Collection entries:
● ● ● ● ●

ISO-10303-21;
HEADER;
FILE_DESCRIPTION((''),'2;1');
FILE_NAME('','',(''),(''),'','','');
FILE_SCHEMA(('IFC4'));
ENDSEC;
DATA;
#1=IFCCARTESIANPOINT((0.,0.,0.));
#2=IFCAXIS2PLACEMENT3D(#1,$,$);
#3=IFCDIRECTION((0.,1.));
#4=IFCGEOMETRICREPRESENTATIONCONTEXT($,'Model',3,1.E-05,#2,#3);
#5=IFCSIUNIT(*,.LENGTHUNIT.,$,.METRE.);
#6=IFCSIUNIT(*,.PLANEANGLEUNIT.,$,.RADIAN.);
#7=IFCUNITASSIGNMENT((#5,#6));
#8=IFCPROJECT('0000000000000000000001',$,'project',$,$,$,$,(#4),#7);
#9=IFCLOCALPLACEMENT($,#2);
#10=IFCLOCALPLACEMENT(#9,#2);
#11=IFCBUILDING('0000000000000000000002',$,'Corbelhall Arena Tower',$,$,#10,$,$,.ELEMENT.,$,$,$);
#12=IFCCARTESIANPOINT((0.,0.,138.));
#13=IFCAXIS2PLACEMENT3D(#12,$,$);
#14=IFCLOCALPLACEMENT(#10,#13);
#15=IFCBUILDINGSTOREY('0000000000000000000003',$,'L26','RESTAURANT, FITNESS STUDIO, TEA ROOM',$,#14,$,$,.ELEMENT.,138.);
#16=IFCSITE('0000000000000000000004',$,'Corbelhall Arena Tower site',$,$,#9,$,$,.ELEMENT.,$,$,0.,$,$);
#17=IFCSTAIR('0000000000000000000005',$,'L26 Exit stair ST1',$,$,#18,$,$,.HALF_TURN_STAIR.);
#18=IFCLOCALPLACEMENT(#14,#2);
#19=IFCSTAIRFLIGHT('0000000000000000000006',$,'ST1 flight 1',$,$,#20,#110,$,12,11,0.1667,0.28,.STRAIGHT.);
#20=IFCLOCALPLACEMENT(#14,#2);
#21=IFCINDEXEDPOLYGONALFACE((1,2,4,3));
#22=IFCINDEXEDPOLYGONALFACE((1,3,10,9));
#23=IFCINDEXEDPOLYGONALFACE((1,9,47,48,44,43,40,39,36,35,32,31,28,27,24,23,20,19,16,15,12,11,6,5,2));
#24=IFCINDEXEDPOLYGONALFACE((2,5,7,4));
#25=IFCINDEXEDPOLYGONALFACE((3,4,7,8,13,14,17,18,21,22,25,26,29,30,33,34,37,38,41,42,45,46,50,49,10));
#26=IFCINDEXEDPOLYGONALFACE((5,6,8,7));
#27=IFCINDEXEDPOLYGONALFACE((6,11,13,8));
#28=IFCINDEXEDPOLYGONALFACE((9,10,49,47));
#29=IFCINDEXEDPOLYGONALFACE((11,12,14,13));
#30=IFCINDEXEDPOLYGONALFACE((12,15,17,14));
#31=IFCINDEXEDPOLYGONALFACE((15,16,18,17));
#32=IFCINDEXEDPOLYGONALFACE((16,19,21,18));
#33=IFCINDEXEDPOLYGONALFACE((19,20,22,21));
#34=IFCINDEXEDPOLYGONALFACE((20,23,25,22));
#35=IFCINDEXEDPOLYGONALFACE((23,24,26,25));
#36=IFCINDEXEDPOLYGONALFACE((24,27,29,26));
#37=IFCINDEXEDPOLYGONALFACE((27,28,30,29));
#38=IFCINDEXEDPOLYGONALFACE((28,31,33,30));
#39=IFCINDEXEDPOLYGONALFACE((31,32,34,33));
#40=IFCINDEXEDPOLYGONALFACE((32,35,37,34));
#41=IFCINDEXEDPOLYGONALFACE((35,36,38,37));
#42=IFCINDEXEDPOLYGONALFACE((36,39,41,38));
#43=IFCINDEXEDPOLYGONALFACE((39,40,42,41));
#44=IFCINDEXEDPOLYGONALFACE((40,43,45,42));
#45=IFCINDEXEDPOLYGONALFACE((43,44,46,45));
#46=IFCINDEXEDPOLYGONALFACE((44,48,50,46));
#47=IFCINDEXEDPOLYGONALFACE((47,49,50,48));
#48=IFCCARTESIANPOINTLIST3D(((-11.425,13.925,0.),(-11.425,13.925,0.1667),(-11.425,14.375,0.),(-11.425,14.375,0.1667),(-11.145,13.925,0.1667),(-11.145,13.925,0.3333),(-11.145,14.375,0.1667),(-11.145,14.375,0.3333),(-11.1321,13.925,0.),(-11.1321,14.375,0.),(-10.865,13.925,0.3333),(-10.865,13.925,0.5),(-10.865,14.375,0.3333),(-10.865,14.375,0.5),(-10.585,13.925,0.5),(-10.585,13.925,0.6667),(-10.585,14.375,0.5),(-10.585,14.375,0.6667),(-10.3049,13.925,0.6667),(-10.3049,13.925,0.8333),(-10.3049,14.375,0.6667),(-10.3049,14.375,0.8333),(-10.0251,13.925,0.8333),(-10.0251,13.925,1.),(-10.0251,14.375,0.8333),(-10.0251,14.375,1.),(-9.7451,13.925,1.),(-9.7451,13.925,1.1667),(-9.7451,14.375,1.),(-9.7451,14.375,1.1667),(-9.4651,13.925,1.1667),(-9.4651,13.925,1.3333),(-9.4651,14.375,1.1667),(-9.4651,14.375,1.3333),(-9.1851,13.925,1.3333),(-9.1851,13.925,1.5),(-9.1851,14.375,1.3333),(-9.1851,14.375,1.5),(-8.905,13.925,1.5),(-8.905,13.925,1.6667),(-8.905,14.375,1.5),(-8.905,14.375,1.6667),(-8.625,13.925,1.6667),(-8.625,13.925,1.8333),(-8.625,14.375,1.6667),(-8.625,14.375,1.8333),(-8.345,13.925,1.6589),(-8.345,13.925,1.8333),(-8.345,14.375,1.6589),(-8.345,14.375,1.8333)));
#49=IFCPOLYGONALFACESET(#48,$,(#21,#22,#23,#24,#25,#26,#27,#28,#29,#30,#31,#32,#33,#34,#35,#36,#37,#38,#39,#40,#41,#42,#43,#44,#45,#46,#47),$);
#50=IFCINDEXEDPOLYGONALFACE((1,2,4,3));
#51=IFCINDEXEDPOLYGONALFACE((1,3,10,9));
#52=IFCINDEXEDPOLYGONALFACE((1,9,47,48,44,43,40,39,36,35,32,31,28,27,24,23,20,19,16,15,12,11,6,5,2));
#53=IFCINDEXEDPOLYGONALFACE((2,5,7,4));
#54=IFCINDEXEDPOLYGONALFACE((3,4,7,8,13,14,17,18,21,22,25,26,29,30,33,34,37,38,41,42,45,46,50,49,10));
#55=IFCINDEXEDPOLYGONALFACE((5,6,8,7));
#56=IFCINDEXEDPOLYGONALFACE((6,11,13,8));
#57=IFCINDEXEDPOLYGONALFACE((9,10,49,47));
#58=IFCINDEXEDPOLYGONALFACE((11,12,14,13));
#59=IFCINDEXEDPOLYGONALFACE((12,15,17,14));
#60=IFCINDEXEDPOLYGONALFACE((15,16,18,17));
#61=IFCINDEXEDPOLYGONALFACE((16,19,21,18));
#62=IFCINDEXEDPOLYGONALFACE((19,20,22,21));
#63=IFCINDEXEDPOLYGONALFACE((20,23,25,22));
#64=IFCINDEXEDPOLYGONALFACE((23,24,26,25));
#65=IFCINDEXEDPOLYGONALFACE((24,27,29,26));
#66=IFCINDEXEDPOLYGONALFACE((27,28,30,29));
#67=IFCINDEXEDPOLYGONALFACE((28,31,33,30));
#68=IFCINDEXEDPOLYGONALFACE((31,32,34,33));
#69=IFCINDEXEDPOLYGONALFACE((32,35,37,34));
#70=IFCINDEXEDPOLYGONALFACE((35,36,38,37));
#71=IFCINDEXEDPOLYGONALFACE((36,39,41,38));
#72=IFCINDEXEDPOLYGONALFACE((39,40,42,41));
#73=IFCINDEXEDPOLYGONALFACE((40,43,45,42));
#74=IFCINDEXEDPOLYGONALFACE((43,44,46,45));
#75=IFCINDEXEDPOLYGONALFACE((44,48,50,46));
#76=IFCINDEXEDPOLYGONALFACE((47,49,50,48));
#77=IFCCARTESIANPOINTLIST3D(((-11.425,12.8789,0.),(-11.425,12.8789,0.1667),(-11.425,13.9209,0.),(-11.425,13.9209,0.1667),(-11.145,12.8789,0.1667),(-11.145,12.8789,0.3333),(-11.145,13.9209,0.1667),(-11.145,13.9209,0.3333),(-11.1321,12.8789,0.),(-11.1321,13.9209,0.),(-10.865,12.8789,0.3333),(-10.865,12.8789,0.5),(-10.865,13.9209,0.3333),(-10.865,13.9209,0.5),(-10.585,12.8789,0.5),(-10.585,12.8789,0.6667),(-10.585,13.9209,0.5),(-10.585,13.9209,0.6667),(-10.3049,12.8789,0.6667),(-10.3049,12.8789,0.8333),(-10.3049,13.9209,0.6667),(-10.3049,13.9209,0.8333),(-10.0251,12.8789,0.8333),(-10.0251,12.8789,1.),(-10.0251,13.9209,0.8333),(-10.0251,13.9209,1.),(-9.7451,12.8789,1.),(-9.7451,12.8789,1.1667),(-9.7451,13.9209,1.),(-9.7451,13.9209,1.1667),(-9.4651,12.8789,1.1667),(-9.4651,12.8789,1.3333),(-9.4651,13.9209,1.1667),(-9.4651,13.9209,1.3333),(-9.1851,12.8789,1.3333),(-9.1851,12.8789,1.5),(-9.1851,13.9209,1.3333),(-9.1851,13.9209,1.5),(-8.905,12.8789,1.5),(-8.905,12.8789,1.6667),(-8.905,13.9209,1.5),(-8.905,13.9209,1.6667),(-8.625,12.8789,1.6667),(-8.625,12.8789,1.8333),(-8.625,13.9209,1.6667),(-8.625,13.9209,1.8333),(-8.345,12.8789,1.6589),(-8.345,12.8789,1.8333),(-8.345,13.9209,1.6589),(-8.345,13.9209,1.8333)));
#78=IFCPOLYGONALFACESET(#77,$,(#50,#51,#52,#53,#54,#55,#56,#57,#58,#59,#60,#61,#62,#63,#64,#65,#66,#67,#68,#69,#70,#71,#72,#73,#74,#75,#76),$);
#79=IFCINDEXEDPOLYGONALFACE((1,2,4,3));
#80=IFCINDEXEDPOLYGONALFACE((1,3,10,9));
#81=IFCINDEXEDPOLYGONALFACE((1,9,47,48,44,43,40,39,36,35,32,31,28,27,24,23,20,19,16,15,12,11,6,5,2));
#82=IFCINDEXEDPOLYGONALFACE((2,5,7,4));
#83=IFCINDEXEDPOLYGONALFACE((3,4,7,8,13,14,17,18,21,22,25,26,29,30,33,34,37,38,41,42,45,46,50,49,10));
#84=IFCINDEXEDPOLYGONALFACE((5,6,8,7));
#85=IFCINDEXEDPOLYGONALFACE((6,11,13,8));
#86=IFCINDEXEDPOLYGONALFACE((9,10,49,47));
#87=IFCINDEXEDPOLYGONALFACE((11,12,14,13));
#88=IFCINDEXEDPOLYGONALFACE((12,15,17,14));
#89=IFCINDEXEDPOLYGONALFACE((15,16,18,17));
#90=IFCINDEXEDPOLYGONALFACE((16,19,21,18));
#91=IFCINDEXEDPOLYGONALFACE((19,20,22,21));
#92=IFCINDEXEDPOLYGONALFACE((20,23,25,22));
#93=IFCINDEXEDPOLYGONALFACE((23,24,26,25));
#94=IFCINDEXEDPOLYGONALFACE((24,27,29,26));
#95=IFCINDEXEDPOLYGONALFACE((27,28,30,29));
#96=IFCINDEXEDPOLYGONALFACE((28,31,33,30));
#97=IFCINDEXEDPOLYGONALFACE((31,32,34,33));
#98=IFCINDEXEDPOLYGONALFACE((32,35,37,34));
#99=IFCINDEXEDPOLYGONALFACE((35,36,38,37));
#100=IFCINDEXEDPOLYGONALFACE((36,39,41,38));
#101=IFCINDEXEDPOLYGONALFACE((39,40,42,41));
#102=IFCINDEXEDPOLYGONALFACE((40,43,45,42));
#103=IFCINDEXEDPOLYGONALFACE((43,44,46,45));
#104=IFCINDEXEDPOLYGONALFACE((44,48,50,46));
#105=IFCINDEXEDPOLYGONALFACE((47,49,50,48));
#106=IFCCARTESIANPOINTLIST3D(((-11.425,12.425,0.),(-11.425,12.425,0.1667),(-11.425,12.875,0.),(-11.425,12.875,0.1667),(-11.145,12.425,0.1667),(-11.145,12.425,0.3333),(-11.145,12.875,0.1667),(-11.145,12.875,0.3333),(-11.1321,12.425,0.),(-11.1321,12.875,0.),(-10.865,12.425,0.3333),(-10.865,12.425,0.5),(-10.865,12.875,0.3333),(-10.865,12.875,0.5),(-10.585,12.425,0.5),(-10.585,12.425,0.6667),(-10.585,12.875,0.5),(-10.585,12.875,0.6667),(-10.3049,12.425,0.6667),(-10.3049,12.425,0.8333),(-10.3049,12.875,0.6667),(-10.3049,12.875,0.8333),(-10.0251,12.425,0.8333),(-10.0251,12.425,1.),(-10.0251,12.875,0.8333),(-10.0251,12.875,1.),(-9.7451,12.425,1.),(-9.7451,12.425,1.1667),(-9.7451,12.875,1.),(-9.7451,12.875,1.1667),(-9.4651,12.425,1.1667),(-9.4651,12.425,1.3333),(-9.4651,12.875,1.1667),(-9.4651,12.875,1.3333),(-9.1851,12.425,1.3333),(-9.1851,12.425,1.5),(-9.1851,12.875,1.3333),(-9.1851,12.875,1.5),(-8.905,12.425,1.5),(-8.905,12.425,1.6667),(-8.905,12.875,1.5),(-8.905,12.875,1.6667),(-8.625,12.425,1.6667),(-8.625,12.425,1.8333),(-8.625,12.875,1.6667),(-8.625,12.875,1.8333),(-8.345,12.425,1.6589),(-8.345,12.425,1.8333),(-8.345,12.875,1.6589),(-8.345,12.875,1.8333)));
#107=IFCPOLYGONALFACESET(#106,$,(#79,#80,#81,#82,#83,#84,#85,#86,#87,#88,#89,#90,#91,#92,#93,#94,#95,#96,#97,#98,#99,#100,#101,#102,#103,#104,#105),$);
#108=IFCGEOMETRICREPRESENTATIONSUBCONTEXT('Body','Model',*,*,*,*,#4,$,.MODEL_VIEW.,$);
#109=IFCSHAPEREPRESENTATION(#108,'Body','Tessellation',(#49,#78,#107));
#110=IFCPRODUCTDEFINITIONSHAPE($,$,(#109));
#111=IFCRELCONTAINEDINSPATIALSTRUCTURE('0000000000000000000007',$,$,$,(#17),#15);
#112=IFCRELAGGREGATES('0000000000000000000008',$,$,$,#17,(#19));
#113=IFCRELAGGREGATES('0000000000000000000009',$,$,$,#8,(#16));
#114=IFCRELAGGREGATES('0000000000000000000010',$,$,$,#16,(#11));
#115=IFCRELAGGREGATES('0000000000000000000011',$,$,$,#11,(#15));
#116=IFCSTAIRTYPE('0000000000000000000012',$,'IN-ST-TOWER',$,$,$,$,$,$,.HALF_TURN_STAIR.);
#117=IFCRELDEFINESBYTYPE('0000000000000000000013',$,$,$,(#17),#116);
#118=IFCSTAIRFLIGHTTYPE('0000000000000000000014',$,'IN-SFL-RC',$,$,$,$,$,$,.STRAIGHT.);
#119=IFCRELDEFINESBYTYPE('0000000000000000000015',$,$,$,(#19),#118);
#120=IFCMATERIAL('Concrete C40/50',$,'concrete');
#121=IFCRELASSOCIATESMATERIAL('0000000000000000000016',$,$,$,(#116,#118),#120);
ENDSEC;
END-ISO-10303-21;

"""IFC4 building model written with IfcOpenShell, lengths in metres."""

from ifc_helpers import new_model, si_unit, direction, frame, origin, place, context, subcontext, project, spatial, polyline, outline, extrude, material, type_object, element, aggregate, save


model = new_model("IFC4")

# Units and contexts
model_context = context("Model", 3, precision=1e-05, world=origin(), true_north=direction((0.0, 1.0)))
body_context = subcontext(model_context, "Body", "Model", "MODEL_VIEW")
ifc_project = project(units=[si_unit("LENGTHUNIT", "METRE"), si_unit("PLANEANGLEUNIT", "RADIAN")], contexts=[model_context])

# Site, building, storey
site_placement = place(None, origin())
site = spatial("IfcSite", under=ifc_project, at=site_placement, Name="Corbelhall Arena Tower site", CompositionType="ELEMENT", RefElevation=0.0)
building_placement = place(site_placement, origin())
building = spatial("IfcBuilding", under=site, at=building_placement, Name="Corbelhall Arena Tower", CompositionType="ELEMENT")
storey_placement = place(building_placement, frame((0.0, 0.0, 138.0)))
storey = spatial("IfcBuildingStorey", under=building, at=storey_placement, Name="L26", Description="RESTAURANT, FITNESS STUDIO, TEA ROOM", CompositionType="ELEMENT", Elevation=138.0)

# Shared definitions
ifc_material_1 = material(Name="Concrete C40/50", Category="concrete")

● ● ● ● ●

◆ **YOUR INSTRUCTIONS**: The lines to copy are those in the records above containing the word "IFCSIUNIT".

◆ **ANSWER AREA**:
#5=IFCSIUNIT(*,.LENGTHUNIT.,$,.METRE.);
#6=IFCSIUNIT(*,.PLANEANGLEUNIT.,$,.RADIAN.);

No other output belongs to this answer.